----- Extracted information

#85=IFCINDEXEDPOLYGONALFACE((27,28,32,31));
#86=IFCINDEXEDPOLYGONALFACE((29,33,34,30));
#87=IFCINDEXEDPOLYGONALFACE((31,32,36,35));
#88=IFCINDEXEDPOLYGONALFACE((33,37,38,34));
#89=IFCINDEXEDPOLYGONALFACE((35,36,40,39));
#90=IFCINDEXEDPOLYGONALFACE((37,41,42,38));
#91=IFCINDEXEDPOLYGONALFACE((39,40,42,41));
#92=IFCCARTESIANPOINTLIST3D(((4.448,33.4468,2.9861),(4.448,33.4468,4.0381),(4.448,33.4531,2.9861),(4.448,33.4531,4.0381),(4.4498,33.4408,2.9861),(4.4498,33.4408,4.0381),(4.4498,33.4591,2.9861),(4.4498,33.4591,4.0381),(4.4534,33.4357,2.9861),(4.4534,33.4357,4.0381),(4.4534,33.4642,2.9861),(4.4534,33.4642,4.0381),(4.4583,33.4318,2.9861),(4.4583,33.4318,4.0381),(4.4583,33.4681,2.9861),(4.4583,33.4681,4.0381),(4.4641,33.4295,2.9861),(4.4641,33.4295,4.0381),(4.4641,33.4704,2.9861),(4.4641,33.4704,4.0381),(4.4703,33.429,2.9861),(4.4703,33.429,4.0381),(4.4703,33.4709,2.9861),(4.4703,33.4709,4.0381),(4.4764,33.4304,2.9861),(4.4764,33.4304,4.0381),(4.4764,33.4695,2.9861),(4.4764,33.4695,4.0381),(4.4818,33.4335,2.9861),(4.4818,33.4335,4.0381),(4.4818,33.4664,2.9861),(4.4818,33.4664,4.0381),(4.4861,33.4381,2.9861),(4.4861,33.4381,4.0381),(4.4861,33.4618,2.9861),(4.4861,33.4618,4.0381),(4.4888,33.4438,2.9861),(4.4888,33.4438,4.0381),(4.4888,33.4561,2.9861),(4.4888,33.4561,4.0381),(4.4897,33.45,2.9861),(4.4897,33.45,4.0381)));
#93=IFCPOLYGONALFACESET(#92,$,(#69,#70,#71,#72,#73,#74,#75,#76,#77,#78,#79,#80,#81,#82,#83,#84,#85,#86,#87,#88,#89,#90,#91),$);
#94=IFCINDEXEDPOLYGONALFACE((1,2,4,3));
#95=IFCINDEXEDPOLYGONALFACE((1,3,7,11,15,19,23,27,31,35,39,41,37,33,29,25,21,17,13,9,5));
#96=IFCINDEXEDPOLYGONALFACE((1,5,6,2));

----------
----- Extracted information

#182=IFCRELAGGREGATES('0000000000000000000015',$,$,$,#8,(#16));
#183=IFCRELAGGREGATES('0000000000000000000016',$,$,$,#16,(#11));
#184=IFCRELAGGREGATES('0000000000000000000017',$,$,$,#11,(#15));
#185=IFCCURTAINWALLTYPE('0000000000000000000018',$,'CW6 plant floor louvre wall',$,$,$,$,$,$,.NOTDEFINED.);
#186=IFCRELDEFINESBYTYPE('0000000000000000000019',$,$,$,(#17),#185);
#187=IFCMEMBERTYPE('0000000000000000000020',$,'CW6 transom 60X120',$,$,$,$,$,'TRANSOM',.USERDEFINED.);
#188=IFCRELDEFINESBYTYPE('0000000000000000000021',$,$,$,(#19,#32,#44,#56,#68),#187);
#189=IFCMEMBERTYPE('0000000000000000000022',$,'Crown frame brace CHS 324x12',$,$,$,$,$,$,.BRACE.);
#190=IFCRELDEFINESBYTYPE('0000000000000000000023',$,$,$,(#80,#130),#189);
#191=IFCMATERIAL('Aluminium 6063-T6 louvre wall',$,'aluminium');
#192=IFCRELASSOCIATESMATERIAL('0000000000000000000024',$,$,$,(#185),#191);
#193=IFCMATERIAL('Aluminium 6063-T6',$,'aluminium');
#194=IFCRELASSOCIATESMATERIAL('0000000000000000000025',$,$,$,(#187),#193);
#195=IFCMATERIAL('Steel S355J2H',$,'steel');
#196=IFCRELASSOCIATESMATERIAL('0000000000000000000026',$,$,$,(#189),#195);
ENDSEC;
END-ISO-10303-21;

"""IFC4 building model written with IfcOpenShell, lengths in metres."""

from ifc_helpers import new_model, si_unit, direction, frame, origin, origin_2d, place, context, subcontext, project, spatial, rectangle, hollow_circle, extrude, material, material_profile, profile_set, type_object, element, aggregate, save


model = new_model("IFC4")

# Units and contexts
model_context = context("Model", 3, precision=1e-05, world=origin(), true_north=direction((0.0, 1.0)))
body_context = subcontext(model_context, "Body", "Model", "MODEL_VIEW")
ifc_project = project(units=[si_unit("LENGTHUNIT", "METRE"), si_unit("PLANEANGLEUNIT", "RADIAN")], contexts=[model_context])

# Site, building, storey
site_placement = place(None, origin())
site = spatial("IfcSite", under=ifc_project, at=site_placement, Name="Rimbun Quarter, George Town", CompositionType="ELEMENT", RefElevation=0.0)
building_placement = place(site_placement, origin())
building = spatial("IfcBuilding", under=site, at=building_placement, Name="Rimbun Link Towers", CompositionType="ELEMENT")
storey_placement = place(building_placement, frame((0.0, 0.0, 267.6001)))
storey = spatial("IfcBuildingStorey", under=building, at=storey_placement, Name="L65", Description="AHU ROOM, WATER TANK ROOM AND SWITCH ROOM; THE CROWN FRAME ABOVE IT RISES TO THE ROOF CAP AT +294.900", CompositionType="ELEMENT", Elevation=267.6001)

----------
----- Extracted information

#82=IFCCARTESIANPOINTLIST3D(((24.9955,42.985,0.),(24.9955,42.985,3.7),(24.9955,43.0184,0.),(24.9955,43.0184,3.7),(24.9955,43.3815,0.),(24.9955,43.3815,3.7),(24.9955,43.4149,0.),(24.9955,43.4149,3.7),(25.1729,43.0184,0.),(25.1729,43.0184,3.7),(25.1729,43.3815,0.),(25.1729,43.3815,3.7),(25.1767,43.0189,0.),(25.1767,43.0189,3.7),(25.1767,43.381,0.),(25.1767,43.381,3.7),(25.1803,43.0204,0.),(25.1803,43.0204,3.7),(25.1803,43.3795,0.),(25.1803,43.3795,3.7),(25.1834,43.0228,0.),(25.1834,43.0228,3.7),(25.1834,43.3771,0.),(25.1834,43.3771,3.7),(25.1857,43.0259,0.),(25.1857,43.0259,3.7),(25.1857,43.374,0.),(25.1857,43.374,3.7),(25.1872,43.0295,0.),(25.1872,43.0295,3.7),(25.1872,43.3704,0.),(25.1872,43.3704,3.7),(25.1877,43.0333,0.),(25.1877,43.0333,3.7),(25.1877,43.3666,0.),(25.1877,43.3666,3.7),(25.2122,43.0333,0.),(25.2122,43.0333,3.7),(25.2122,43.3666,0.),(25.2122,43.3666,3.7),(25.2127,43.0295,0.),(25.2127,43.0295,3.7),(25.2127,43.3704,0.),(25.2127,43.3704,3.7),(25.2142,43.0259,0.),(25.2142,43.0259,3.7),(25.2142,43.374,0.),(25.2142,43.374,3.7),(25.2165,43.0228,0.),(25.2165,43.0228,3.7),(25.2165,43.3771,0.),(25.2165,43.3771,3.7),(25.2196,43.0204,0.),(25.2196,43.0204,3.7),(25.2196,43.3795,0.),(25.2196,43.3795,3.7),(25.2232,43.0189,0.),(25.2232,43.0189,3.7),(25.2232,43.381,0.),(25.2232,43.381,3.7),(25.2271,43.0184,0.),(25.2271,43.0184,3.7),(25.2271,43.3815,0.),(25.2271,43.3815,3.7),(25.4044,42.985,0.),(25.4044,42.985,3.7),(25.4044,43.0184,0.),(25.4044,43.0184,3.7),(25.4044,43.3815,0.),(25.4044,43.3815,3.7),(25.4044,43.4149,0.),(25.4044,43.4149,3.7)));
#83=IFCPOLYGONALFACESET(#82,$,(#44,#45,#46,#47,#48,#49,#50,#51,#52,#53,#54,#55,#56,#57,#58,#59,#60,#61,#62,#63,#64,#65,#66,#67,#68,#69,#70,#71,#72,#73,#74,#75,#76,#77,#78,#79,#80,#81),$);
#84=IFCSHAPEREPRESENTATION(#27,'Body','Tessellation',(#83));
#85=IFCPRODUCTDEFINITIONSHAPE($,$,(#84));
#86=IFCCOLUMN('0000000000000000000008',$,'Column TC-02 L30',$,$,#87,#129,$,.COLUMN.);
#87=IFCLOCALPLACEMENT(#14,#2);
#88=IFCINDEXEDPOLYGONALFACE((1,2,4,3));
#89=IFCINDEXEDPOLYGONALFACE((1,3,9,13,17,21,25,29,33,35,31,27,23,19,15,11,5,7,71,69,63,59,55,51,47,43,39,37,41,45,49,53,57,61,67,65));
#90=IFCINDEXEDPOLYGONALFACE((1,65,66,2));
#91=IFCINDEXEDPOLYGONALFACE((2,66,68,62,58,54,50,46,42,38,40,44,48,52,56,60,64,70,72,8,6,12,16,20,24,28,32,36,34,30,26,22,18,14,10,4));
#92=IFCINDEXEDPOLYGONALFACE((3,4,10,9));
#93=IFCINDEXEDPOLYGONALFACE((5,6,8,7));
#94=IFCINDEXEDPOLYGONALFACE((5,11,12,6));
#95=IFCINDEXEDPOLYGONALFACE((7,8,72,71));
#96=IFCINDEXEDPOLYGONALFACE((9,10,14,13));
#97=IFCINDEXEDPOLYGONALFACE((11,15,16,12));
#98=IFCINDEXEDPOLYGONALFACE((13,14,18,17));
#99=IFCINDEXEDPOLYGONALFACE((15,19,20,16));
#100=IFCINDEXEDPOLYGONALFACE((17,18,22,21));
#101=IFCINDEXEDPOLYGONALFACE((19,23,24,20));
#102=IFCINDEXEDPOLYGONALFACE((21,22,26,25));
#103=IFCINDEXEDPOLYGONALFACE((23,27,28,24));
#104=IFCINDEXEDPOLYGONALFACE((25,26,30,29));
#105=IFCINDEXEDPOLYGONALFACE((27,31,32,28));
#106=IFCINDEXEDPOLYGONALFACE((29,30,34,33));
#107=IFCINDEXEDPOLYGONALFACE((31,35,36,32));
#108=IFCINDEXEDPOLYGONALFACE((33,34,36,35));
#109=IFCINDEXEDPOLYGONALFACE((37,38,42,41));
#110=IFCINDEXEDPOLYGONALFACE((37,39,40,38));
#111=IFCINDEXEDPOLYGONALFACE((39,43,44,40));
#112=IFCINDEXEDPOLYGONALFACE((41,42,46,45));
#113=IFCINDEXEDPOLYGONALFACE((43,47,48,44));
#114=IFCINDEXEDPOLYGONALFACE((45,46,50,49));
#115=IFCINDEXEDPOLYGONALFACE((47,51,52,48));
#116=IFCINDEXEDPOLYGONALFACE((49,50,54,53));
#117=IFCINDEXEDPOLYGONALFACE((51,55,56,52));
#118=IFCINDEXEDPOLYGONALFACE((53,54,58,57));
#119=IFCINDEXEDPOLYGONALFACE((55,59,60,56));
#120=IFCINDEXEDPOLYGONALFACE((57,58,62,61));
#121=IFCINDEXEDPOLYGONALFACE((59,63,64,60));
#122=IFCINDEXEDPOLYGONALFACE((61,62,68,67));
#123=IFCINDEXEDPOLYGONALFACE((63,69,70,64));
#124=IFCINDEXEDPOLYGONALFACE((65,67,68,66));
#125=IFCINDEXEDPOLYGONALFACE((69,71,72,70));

----------

Restate word for word the lines in the material above from the one with "#191=IFCMATERIAL('Aluminium 6063-T6 louvre" to the one with "# Units and contexts"; both of those lines count, and nothing else does.

#191=IFCMATERIAL('Aluminium 6063-T6 louvre wall',$,'aluminium');
#192=IFCRELASSOCIATESMATERIAL('0000000000000000000024',$,$,$,(#185),#191);
#193=IFCMATERIAL('Aluminium 6063-T6',$,'aluminium');
#194=IFCRELASSOCIATESMATERIAL('0000000000000000000025',$,$,$,(#187),#193);
#195=IFCMATERIAL('Steel S355J2H',$,'steel');
#196=IFCRELASSOCIATESMATERIAL('0000000000000000000026',$,$,$,(#189),#195);
ENDSEC;
END-ISO-10303-21;

"""IFC4 building model written with IfcOpenShell, lengths in metres."""

from ifc_helpers import new_model, si_unit, direction, frame, origin, origin_2d, place, context, subcontext, project, spatial, rectangle, hollow_circle, extrude, material, material_profile, profile_set, type_object, element, aggregate, save


model = new_model("IFC4")

# Units and contexts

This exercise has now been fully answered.